PROVIDED ENTRIES START

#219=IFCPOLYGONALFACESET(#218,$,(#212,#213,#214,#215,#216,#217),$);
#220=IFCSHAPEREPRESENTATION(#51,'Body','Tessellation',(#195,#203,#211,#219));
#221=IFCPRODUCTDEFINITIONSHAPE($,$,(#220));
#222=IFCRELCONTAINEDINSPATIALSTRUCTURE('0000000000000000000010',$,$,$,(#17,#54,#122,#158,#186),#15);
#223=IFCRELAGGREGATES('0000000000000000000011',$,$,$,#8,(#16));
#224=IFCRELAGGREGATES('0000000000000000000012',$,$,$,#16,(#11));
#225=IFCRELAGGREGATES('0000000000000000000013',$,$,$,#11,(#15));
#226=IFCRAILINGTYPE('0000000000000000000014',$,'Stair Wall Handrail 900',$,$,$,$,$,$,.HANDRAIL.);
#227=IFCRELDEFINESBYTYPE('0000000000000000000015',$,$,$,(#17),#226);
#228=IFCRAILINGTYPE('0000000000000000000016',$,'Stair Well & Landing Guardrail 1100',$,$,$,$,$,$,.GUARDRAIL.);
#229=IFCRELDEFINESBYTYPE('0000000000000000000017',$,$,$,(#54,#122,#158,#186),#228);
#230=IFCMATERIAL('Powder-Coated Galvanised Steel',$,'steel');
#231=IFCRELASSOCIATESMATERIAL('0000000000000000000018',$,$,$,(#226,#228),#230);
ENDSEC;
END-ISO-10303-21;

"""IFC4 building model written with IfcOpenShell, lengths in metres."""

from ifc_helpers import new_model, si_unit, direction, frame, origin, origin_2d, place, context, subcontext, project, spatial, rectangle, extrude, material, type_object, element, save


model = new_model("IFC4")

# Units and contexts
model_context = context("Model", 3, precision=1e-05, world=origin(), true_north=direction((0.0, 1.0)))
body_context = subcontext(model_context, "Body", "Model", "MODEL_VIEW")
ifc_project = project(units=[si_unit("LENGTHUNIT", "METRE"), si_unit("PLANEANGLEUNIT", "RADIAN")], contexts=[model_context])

PROVIDED ENTRIES END
PROVIDED ENTRIES START

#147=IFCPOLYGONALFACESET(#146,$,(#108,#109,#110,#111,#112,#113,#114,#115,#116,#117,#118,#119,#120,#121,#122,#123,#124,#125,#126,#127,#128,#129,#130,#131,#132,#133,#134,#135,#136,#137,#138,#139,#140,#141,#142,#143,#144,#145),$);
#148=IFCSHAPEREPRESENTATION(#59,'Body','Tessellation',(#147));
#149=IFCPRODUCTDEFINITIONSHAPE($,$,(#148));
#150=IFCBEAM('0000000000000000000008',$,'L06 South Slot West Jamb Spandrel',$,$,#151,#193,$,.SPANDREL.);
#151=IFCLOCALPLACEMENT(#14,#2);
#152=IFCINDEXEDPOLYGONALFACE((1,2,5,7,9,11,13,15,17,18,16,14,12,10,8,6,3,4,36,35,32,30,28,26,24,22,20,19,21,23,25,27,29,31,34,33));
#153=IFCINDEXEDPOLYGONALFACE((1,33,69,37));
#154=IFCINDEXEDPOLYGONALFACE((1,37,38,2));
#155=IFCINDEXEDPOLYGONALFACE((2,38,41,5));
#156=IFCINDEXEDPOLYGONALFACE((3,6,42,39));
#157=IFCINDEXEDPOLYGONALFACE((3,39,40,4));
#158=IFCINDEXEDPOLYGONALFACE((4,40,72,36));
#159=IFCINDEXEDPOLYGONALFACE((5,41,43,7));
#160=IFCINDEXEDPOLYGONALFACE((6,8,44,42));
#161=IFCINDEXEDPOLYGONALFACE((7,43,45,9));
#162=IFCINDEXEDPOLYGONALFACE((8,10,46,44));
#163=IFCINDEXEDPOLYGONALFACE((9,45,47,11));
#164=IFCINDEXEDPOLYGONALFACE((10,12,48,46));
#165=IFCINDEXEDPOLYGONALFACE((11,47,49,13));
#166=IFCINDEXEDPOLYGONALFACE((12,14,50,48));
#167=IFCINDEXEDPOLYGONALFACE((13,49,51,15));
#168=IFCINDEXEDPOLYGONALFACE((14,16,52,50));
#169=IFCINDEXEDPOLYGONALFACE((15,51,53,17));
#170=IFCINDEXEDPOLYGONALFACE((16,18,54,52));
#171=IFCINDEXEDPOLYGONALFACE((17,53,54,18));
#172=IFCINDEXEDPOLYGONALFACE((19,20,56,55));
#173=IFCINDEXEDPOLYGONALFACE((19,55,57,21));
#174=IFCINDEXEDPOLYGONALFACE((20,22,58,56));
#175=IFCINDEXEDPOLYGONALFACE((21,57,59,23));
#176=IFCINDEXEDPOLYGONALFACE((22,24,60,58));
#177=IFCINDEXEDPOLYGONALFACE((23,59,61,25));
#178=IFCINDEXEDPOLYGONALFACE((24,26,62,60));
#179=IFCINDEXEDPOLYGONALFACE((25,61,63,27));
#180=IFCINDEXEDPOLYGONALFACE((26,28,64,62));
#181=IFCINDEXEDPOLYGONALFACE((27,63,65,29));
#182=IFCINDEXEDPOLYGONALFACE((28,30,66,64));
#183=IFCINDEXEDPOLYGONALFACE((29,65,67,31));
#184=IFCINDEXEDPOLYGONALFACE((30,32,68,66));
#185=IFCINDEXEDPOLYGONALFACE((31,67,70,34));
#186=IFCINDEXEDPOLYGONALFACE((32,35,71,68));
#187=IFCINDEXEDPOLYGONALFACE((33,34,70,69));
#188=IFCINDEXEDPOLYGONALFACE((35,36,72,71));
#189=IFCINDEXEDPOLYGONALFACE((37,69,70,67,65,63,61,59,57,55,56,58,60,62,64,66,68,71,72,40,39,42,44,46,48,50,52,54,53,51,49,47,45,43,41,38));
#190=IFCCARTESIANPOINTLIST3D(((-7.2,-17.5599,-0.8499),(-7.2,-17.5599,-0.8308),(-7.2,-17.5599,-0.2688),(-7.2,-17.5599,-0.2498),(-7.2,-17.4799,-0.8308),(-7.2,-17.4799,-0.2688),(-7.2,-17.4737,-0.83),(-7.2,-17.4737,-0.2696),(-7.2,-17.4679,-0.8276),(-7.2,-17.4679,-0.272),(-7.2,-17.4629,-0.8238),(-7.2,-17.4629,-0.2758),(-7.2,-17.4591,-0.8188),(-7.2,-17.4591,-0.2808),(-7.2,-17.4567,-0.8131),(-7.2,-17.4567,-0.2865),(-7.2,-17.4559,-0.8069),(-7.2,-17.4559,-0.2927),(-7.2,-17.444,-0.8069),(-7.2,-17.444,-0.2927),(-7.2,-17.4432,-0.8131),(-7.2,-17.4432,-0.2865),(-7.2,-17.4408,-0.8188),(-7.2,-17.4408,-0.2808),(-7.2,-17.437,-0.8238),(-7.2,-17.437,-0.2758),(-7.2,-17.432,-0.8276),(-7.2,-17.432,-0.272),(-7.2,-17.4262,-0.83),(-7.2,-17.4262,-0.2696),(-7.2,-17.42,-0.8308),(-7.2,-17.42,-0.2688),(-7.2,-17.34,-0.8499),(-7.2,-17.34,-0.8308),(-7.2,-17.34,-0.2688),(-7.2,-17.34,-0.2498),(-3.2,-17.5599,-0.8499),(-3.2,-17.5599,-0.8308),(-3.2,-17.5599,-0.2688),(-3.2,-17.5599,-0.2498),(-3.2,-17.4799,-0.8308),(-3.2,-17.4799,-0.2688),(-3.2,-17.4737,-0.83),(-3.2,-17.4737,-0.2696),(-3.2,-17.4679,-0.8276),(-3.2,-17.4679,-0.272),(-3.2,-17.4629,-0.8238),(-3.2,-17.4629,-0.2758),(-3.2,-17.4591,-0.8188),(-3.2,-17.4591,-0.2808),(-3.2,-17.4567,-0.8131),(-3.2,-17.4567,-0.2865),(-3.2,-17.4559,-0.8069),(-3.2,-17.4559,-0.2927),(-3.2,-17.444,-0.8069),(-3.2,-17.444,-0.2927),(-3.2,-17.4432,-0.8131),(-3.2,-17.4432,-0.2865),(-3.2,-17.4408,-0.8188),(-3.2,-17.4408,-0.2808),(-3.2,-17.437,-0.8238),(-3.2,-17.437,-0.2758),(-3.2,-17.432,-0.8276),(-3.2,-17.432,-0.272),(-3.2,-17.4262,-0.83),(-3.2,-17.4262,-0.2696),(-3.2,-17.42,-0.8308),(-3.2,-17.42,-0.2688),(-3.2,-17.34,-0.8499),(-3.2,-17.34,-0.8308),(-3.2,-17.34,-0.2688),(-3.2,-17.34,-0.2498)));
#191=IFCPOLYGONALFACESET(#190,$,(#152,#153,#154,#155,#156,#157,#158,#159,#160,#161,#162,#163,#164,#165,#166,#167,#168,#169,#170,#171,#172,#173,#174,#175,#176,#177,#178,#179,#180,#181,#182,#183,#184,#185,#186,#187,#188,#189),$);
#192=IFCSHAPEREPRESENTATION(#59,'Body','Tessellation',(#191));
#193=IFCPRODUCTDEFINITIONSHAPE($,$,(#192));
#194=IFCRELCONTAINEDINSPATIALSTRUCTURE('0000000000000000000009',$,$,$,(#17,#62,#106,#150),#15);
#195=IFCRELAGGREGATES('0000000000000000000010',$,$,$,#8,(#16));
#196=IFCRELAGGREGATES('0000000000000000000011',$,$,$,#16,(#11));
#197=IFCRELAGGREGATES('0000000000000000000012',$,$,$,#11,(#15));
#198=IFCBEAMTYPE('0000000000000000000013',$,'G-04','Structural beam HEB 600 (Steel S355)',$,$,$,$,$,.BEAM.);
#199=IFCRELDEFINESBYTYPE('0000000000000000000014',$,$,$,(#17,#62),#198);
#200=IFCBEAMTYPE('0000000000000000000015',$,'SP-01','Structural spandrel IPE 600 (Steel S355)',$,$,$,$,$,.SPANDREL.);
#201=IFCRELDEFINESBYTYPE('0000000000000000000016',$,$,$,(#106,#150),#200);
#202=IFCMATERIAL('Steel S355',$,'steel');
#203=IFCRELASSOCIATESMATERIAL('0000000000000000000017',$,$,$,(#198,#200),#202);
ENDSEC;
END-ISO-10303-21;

PROVIDED ENTRIES END

### [THE TASK]
From the material, report only how many lines include the word "contexts".

### [COMPLETED EXERCISE]
2